Every entry is to be printed again precisely as given.
== RAW DATA
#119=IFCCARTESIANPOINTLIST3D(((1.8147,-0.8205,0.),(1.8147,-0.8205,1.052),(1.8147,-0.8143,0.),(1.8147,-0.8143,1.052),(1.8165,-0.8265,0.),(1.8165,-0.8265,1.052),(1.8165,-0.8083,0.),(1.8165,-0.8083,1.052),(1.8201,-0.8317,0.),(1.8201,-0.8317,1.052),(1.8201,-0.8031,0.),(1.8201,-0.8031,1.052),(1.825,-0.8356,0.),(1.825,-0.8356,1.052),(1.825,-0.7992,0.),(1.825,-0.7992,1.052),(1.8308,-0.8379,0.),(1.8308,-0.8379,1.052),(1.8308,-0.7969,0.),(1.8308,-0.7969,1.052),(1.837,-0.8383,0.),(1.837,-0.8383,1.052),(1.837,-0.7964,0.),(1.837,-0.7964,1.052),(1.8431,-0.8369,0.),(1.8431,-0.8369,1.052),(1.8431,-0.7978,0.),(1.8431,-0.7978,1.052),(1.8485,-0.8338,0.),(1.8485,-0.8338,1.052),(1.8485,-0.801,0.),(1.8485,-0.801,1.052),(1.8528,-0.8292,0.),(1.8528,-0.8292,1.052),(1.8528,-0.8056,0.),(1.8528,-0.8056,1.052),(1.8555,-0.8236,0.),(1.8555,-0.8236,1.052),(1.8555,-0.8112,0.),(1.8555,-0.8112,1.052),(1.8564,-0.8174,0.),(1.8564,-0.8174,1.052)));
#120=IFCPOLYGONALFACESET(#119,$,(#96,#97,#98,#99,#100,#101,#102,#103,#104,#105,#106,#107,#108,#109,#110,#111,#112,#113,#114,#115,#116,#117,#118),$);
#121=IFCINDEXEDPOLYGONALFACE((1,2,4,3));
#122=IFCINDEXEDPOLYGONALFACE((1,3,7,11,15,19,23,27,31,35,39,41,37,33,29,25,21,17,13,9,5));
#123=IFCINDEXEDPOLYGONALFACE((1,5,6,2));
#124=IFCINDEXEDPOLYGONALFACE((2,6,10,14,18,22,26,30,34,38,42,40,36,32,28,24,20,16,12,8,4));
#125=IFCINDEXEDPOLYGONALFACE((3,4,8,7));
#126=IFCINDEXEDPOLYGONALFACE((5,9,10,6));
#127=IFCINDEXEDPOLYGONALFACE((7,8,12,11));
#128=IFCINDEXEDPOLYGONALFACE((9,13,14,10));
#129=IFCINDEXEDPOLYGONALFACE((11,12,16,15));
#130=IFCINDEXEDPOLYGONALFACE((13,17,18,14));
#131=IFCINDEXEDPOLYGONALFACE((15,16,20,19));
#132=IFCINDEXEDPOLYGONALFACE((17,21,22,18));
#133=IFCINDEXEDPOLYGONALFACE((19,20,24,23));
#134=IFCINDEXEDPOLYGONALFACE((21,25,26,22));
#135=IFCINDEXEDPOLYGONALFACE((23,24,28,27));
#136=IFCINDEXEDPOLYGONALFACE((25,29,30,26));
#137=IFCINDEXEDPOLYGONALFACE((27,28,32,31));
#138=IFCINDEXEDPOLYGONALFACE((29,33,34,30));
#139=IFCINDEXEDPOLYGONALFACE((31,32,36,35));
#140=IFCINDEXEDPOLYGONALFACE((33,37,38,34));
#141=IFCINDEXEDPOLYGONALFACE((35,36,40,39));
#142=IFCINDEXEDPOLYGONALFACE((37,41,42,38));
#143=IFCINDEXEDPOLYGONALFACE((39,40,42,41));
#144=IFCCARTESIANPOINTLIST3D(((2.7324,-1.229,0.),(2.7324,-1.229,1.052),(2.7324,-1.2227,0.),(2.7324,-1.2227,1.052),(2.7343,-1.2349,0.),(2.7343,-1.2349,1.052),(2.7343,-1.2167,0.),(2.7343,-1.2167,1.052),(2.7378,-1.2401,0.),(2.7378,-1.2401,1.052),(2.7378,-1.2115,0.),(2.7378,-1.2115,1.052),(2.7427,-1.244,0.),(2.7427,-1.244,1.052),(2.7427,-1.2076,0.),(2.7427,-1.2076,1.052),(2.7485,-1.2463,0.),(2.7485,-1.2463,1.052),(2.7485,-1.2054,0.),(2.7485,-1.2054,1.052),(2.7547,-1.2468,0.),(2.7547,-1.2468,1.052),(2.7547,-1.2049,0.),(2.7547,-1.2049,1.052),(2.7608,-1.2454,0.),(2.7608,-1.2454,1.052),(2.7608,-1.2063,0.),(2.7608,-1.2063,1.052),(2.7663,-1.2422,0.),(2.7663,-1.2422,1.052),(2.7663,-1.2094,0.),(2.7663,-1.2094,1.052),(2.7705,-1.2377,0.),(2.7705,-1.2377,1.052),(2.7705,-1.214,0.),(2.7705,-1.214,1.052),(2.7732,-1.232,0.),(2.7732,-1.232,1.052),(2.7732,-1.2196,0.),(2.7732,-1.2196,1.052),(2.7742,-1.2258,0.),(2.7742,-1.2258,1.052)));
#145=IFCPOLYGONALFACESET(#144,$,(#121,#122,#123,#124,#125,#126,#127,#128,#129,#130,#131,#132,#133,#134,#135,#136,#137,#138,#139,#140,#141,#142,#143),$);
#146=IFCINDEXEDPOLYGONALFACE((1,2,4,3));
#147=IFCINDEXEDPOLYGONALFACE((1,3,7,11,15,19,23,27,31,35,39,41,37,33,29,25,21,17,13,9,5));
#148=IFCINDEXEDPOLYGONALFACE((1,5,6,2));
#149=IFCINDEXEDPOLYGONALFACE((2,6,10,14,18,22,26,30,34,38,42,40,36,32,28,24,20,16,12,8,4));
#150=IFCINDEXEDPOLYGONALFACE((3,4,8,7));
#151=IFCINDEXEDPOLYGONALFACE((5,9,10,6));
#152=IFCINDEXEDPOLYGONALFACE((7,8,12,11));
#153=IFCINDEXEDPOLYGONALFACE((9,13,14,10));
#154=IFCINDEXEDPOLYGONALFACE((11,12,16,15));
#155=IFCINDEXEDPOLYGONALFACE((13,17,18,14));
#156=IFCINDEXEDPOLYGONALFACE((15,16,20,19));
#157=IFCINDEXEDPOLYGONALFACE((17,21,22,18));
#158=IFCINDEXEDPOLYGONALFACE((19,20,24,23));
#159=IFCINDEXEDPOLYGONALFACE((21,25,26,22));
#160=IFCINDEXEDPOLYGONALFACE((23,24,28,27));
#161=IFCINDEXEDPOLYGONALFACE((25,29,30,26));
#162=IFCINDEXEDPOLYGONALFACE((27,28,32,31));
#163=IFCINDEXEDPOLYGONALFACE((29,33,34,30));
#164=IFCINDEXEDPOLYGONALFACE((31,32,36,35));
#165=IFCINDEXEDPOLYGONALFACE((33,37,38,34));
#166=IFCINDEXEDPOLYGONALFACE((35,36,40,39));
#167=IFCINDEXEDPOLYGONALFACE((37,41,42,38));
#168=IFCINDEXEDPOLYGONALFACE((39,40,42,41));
====
◆ SOLUTION TO THIS EXERCISE ◆
#119=IFCCARTESIANPOINTLIST3D(((1.8147,-0.8205,0.),(1.8147,-0.8205,1.052),(1.8147,-0.8143,0.),(1.8147,-0.8143,1.052),(1.8165,-0.8265,0.),(1.8165,-0.8265,1.052),(1.8165,-0.8083,0.),(1.8165,-0.8083,1.052),(1.8201,-0.8317,0.),(1.8201,-0.8317,1.052),(1.8201,-0.8031,0.),(1.8201,-0.8031,1.052),(1.825,-0.8356,0.),(1.825,-0.8356,1.052),(1.825,-0.7992,0.),(1.825,-0.7992,1.052),(1.8308,-0.8379,0.),(1.8308,-0.8379,1.052),(1.8308,-0.7969,0.),(1.8308,-0.7969,1.052),(1.837,-0.8383,0.),(1.837,-0.8383,1.052),(1.837,-0.7964,0.),(1.837,-0.7964,1.052),(1.8431,-0.8369,0.),(1.8431,-0.8369,1.052),(1.8431,-0.7978,0.),(1.8431,-0.7978,1.052),(1.8485,-0.8338,0.),(1.8485,-0.8338,1.052),(1.8485,-0.801,0.),(1.8485,-0.801,1.052),(1.8528,-0.8292,0.),(1.8528,-0.8292,1.052),(1.8528,-0.8056,0.),(1.8528,-0.8056,1.052),(1.8555,-0.8236,0.),(1.8555,-0.8236,1.052),(1.8555,-0.8112,0.),(1.8555,-0.8112,1.052),(1.8564,-0.8174,0.),(1.8564,-0.8174,1.052)));
#120=IFCPOLYGONALFACESET(#119,$,(#96,#97,#98,#99,#100,#101,#102,#103,#104,#105,#106,#107,#108,#109,#110,#111,#112,#113,#114,#115,#116,#117,#118),$);
#121=IFCINDEXEDPOLYGONALFACE((1,2,4,3));
#122=IFCINDEXEDPOLYGONALFACE((1,3,7,11,15,19,23,27,31,35,39,41,37,33,29,25,21,17,13,9,5));
#123=IFCINDEXEDPOLYGONALFACE((1,5,6,2));
#124=IFCINDEXEDPOLYGONALFACE((2,6,10,14,18,22,26,30,34,38,42,40,36,32,28,24,20,16,12,8,4));
#125=IFCINDEXEDPOLYGONALFACE((3,4,8,7));
#126=IFCINDEXEDPOLYGONALFACE((5,9,10,6));
#127=IFCINDEXEDPOLYGONALFACE((7,8,12,11));
#128=IFCINDEXEDPOLYGONALFACE((9,13,14,10));
#129=IFCINDEXEDPOLYGONALFACE((11,12,16,15));
#130=IFCINDEXEDPOLYGONALFACE((13,17,18,14));
#131=IFCINDEXEDPOLYGONALFACE((15,16,20,19));
#132=IFCINDEXEDPOLYGONALFACE((17,21,22,18));
#133=IFCINDEXEDPOLYGONALFACE((19,20,24,23));
#134=IFCINDEXEDPOLYGONALFACE((21,25,26,22));
#135=IFCINDEXEDPOLYGONALFACE((23,24,28,27));
#136=IFCINDEXEDPOLYGONALFACE((25,29,30,26));
#137=IFCINDEXEDPOLYGONALFACE((27,28,32,31));
#138=IFCINDEXEDPOLYGONALFACE((29,33,34,30));
#139=IFCINDEXEDPOLYGONALFACE((31,32,36,35));
#140=IFCINDEXEDPOLYGONALFACE((33,37,38,34));
#141=IFCINDEXEDPOLYGONALFACE((35,36,40,39));
#142=IFCINDEXEDPOLYGONALFACE((37,41,42,38));
#143=IFCINDEXEDPOLYGONALFACE((39,40,42,41));
#144=IFCCARTESIANPOINTLIST3D(((2.7324,-1.229,0.),(2.7324,-1.229,1.052),(2.7324,-1.2227,0.),(2.7324,-1.2227,1.052),(2.7343,-1.2349,0.),(2.7343,-1.2349,1.052),(2.7343,-1.2167,0.),(2.7343,-1.2167,1.052),(2.7378,-1.2401,0.),(2.7378,-1.2401,1.052),(2.7378,-1.2115,0.),(2.7378,-1.2115,1.052),(2.7427,-1.244,0.),(2.7427,-1.244,1.052),(2.7427,-1.2076,0.),(2.7427,-1.2076,1.052),(2.7485,-1.2463,0.),(2.7485,-1.2463,1.052),(2.7485,-1.2054,0.),(2.7485,-1.2054,1.052),(2.7547,-1.2468,0.),(2.7547,-1.2468,1.052),(2.7547,-1.2049,0.),(2.7547,-1.2049,1.052),(2.7608,-1.2454,0.),(2.7608,-1.2454,1.052),(2.7608,-1.2063,0.),(2.7608,-1.2063,1.052),(2.7663,-1.2422,0.),(2.7663,-1.2422,1.052),(2.7663,-1.2094,0.),(2.7663,-1.2094,1.052),(2.7705,-1.2377,0.),(2.7705,-1.2377,1.052),(2.7705,-1.214,0.),(2.7705,-1.214,1.052),(2.7732,-1.232,0.),(2.7732,-1.232,1.052),(2.7732,-1.2196,0.),(2.7732,-1.2196,1.052),(2.7742,-1.2258,0.),(2.7742,-1.2258,1.052)));
#145=IFCPOLYGONALFACESET(#144,$,(#121,#122,#123,#124,#125,#126,#127,#128,#129,#130,#131,#132,#133,#134,#135,#136,#137,#138,#139,#140,#141,#142,#143),$);
#146=IFCINDEXEDPOLYGONALFACE((1,2,4,3));
#147=IFCINDEXEDPOLYGONALFACE((1,3,7,11,15,19,23,27,31,35,39,41,37,33,29,25,21,17,13,9,5));
#148=IFCINDEXEDPOLYGONALFACE((1,5,6,2));
#149=IFCINDEXEDPOLYGONALFACE((2,6,10,14,18,22,26,30,34,38,42,40,36,32,28,24,20,16,12,8,4));
#150=IFCINDEXEDPOLYGONALFACE((3,4,8,7));
#151=IFCINDEXEDPOLYGONALFACE((5,9,10,6));
#152=IFCINDEXEDPOLYGONALFACE((7,8,12,11));
#153=IFCINDEXEDPOLYGONALFACE((9,13,14,10));
#154=IFCINDEXEDPOLYGONALFACE((11,12,16,15));
#155=IFCINDEXEDPOLYGONALFACE((13,17,18,14));
#156=IFCINDEXEDPOLYGONALFACE((15,16,20,19));
#157=IFCINDEXEDPOLYGONALFACE((17,21,22,18));
#158=IFCINDEXEDPOLYGONALFACE((19,20,24,23));
#159=IFCINDEXEDPOLYGONALFACE((21,25,26,22));
#160=IFCINDEXEDPOLYGONALFACE((23,24,28,27));
#161=IFCINDEXEDPOLYGONALFACE((25,29,30,26));
#162=IFCINDEXEDPOLYGONALFACE((27,28,32,31));
#163=IFCINDEXEDPOLYGONALFACE((29,33,34,30));
#164=IFCINDEXEDPOLYGONALFACE((31,32,36,35));
#165=IFCINDEXEDPOLYGONALFACE((33,37,38,34));
#166=IFCINDEXEDPOLYGONALFACE((35,36,40,39));
#167=IFCINDEXEDPOLYGONALFACE((37,41,42,38));
#168=IFCINDEXEDPOLYGONALFACE((39,40,42,41));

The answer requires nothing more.